### EXERCISE AIM
The string "Concrete" appears in some lines of the entries that follow; copy each such line.

'''

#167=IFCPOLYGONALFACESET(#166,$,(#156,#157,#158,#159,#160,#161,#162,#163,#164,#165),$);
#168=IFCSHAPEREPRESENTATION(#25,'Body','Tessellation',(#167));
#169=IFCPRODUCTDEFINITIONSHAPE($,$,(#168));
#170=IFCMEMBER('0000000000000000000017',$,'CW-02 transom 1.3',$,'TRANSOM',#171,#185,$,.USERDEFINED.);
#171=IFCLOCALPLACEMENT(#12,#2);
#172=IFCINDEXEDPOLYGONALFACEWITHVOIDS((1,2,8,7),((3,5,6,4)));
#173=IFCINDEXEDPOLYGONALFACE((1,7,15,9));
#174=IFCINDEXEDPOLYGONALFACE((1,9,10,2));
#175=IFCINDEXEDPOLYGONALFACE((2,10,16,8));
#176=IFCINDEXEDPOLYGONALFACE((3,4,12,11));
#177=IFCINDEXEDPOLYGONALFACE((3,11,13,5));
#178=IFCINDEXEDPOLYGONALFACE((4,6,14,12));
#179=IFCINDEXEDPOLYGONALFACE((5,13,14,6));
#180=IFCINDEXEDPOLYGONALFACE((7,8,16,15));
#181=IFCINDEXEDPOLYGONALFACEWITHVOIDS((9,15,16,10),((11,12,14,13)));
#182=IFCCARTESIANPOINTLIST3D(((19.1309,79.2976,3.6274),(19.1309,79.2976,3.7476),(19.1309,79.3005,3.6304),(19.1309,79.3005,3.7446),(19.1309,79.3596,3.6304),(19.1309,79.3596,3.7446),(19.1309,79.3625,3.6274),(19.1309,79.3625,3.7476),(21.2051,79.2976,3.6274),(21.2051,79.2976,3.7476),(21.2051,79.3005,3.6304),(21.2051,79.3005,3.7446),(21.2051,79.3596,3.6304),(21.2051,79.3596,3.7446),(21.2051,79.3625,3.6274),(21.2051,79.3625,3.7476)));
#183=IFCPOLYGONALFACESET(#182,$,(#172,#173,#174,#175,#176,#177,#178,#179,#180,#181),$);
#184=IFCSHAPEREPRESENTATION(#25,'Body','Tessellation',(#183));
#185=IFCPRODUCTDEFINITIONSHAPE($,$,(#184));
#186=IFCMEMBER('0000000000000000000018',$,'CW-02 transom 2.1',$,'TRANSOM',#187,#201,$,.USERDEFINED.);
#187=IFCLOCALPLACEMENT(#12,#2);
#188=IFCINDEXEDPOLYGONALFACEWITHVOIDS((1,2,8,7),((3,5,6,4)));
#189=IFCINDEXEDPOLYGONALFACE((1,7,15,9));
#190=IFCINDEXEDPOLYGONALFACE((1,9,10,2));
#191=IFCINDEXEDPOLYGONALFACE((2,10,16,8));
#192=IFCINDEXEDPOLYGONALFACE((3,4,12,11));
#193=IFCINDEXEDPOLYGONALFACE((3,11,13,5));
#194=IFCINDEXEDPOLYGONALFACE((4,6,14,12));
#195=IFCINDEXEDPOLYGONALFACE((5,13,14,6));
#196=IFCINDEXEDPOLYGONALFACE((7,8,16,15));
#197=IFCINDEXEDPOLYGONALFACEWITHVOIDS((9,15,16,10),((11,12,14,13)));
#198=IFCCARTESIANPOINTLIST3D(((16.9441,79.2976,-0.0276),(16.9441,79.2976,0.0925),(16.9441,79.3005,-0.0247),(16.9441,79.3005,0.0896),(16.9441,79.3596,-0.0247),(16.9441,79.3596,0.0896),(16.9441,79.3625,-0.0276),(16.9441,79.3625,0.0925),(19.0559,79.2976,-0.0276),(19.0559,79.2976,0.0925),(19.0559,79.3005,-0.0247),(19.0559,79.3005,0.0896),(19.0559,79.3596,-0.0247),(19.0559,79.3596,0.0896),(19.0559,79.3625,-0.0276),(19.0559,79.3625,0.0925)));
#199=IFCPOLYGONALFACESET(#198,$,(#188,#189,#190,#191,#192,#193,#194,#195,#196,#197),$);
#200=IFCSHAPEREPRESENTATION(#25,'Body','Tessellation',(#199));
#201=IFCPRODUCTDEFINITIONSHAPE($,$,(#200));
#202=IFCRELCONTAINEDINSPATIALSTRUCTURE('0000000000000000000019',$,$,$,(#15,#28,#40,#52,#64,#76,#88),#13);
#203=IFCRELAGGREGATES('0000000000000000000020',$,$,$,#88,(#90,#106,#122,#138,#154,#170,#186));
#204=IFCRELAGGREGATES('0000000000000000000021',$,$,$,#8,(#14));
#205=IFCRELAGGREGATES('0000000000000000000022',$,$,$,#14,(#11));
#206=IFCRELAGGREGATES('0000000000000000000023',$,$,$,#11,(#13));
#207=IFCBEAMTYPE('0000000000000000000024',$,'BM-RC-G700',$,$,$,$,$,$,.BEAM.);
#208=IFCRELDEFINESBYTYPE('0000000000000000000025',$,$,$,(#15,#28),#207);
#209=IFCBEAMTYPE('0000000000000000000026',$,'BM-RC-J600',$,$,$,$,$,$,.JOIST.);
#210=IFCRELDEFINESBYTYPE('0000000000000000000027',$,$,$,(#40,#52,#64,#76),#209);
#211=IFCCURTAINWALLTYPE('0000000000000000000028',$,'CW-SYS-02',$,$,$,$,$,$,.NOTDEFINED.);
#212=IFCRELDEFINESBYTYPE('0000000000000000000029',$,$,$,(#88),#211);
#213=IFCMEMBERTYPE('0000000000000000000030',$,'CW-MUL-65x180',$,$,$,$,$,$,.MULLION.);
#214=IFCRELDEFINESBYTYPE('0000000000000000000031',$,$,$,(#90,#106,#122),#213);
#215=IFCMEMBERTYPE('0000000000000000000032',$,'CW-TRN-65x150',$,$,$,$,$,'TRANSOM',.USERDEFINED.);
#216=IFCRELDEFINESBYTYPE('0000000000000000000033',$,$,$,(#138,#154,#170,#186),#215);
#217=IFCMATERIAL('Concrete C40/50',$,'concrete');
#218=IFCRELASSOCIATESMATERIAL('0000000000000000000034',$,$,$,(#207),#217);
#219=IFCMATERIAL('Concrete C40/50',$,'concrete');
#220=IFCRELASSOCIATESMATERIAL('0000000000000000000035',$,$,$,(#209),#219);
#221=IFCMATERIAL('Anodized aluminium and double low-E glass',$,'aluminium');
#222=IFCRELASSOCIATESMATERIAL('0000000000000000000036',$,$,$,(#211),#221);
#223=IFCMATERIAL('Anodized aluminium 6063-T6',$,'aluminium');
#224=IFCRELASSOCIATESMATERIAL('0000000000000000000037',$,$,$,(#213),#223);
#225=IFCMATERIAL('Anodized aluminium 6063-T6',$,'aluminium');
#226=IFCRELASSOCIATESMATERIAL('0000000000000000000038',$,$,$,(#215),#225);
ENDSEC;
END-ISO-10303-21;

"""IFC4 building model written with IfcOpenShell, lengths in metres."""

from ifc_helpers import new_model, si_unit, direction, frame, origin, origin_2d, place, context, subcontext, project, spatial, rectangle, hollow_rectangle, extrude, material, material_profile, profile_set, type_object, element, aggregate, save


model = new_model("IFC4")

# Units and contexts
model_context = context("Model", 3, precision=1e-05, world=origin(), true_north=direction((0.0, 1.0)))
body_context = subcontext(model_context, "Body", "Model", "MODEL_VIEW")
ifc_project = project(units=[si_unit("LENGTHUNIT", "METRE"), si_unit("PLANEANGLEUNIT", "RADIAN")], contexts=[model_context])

'''

### SOLUTION TO THE PROBLEM
#217=IFCMATERIAL('Concrete C40/50',$,'concrete');
#219=IFCMATERIAL('Concrete C40/50',$,'concrete');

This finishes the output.